START PROVIDED DATA
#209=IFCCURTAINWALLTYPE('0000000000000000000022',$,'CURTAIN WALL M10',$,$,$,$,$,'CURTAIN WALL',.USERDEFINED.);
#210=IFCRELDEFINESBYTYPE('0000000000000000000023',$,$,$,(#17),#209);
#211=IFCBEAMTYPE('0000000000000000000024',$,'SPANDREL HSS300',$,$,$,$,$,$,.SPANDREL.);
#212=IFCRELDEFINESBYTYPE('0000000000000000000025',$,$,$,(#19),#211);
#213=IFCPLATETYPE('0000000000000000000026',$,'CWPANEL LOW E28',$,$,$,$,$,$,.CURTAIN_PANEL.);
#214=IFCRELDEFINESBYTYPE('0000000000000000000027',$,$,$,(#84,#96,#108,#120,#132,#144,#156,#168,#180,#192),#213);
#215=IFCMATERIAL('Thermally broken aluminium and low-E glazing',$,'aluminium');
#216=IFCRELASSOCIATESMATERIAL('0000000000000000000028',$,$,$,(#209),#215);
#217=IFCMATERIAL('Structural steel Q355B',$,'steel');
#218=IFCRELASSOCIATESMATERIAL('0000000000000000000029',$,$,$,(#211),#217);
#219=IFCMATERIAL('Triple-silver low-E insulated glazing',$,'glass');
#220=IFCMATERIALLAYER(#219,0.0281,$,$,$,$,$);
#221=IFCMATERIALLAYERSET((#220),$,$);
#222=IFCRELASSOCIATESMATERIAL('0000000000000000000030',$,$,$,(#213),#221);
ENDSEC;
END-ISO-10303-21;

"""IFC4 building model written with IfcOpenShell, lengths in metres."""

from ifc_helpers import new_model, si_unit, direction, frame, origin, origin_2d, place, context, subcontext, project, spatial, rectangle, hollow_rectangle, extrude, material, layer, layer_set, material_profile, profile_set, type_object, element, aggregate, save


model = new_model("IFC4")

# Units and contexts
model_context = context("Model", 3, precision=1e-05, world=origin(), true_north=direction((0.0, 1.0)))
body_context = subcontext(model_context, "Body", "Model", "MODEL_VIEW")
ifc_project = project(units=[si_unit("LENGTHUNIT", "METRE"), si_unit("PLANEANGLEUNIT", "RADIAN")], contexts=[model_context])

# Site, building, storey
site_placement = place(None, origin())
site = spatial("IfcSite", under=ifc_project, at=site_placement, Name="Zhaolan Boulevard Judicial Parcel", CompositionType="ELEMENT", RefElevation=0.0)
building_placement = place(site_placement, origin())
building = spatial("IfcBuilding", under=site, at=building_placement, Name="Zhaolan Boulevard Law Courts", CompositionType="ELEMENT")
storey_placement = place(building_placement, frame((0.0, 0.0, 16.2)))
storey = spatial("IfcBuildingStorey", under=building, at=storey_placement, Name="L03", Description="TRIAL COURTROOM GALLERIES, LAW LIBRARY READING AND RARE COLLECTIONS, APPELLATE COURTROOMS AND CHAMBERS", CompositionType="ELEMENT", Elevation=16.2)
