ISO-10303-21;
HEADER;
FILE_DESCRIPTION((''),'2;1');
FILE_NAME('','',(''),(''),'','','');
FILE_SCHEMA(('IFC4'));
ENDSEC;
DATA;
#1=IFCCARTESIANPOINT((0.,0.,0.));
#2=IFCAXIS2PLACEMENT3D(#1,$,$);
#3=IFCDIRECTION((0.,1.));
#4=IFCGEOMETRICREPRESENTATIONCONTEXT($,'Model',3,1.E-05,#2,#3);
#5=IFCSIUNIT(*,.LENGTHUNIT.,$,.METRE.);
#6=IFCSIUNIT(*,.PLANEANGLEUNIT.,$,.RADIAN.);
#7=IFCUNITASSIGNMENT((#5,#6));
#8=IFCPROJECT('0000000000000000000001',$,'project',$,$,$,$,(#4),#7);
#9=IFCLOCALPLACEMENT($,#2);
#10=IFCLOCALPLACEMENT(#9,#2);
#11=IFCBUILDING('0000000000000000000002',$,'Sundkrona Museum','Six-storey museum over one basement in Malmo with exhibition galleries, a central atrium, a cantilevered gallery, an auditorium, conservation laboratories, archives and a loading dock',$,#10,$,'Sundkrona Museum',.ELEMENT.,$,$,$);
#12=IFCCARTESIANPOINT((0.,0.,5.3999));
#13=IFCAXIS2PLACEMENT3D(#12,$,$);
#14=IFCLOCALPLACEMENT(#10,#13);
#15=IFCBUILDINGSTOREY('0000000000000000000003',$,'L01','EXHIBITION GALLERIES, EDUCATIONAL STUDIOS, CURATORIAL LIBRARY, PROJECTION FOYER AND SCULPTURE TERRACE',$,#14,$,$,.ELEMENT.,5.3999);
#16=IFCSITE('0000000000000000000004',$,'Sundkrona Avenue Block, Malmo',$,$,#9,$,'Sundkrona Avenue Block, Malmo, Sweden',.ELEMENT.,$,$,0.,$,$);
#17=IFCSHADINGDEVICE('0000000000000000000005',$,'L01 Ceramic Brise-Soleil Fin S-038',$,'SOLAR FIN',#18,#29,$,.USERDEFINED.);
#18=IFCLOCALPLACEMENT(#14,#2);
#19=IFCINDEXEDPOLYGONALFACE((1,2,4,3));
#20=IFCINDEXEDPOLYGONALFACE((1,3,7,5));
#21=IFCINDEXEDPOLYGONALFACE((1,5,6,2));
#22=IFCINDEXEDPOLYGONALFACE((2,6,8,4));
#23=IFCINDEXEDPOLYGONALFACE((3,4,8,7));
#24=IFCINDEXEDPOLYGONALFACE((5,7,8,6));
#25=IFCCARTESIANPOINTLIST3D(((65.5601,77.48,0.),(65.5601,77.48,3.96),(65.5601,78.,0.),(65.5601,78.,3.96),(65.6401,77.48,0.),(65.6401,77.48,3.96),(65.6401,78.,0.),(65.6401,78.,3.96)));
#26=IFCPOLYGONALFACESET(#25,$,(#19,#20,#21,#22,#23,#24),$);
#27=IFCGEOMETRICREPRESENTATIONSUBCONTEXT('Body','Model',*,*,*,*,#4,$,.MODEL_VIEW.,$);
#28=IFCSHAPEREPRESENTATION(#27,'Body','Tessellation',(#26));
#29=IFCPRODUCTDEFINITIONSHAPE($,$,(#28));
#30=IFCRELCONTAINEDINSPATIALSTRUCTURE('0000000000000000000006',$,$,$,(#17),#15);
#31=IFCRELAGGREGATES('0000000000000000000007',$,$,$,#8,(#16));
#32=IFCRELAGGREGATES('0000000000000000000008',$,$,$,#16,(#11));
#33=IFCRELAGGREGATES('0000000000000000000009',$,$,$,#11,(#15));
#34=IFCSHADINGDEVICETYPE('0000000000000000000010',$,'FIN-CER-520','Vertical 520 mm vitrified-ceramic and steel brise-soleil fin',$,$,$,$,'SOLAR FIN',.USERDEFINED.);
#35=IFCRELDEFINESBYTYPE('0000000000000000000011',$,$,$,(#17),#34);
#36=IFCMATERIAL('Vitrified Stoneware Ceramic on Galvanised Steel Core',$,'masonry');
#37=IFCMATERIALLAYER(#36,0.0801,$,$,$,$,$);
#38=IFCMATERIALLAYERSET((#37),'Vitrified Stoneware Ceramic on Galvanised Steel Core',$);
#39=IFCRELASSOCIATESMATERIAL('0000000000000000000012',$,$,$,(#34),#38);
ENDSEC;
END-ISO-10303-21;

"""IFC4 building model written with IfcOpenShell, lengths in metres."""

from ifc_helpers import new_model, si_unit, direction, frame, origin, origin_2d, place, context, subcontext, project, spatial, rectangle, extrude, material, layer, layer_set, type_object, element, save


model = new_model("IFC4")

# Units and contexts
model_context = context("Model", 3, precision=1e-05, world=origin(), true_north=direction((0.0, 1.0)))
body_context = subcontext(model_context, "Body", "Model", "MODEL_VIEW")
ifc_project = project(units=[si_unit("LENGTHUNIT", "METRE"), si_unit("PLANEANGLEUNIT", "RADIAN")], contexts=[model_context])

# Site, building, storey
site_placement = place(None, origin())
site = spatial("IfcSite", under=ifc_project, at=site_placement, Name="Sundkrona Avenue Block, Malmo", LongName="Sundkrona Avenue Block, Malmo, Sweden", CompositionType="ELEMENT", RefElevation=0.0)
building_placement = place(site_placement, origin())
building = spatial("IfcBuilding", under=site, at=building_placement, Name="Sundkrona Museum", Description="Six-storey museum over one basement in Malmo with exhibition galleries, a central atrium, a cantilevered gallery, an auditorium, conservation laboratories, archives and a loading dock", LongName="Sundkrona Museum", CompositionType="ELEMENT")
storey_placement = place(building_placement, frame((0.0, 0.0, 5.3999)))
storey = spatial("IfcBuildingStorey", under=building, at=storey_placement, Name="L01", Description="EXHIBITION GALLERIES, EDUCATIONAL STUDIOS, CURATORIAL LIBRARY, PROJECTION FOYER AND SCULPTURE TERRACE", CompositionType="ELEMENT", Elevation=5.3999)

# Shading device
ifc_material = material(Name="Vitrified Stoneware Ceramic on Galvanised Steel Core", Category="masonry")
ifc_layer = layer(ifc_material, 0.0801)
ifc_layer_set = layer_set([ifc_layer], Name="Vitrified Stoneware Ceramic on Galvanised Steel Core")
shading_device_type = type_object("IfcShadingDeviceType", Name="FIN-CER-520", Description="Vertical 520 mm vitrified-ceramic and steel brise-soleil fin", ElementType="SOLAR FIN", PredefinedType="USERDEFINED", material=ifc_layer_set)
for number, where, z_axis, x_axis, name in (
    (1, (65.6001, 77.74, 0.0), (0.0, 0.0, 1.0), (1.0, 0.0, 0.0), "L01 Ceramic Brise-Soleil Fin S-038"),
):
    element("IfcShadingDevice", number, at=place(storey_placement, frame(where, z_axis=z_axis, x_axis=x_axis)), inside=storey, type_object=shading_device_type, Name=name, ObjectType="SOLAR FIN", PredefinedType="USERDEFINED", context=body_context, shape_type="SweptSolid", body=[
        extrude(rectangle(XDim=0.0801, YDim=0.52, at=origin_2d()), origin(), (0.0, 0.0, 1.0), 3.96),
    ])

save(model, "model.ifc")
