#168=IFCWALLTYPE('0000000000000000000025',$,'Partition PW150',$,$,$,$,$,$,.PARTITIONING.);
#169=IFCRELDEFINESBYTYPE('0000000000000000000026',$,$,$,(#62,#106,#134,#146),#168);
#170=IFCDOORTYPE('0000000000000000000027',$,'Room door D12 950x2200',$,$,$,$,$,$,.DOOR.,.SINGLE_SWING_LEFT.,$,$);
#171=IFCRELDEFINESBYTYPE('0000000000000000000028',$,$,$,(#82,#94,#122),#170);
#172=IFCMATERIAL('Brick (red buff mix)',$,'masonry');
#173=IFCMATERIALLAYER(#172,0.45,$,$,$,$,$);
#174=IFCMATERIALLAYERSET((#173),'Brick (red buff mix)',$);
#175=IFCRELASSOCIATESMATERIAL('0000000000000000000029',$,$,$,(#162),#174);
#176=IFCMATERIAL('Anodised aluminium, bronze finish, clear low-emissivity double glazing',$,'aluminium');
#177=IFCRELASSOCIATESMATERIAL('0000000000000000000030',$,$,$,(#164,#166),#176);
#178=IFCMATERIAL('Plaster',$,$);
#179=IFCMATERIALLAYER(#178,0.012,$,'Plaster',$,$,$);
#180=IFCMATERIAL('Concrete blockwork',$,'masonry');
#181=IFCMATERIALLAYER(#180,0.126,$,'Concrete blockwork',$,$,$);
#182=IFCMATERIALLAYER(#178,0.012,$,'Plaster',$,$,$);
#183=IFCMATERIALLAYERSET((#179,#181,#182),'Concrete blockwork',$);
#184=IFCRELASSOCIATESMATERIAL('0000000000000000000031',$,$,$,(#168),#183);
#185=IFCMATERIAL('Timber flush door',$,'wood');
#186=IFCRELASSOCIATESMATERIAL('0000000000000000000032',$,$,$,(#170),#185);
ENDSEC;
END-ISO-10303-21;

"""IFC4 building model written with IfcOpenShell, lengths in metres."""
END PROVIDED DATA
→ ACTIVITY
There is a run of lines above from the one with "COURTROOM GALLERIES, LAW" to the one with "FILE_DESCRIPTION((''),'2;1');"; print exactly that run, both ends included, and nothing else.

→ REPLY
storey = spatial("IfcBuildingStorey", under=building, at=storey_placement, Name="L03", Description="TRIAL COURTROOM GALLERIES, LAW LIBRARY READING AND RARE COLLECTIONS, APPELLATE COURTROOMS AND CHAMBERS", CompositionType="ELEMENT", Elevation=16.2)
ISO-10303-21;
HEADER;
FILE_DESCRIPTION((''),'2;1');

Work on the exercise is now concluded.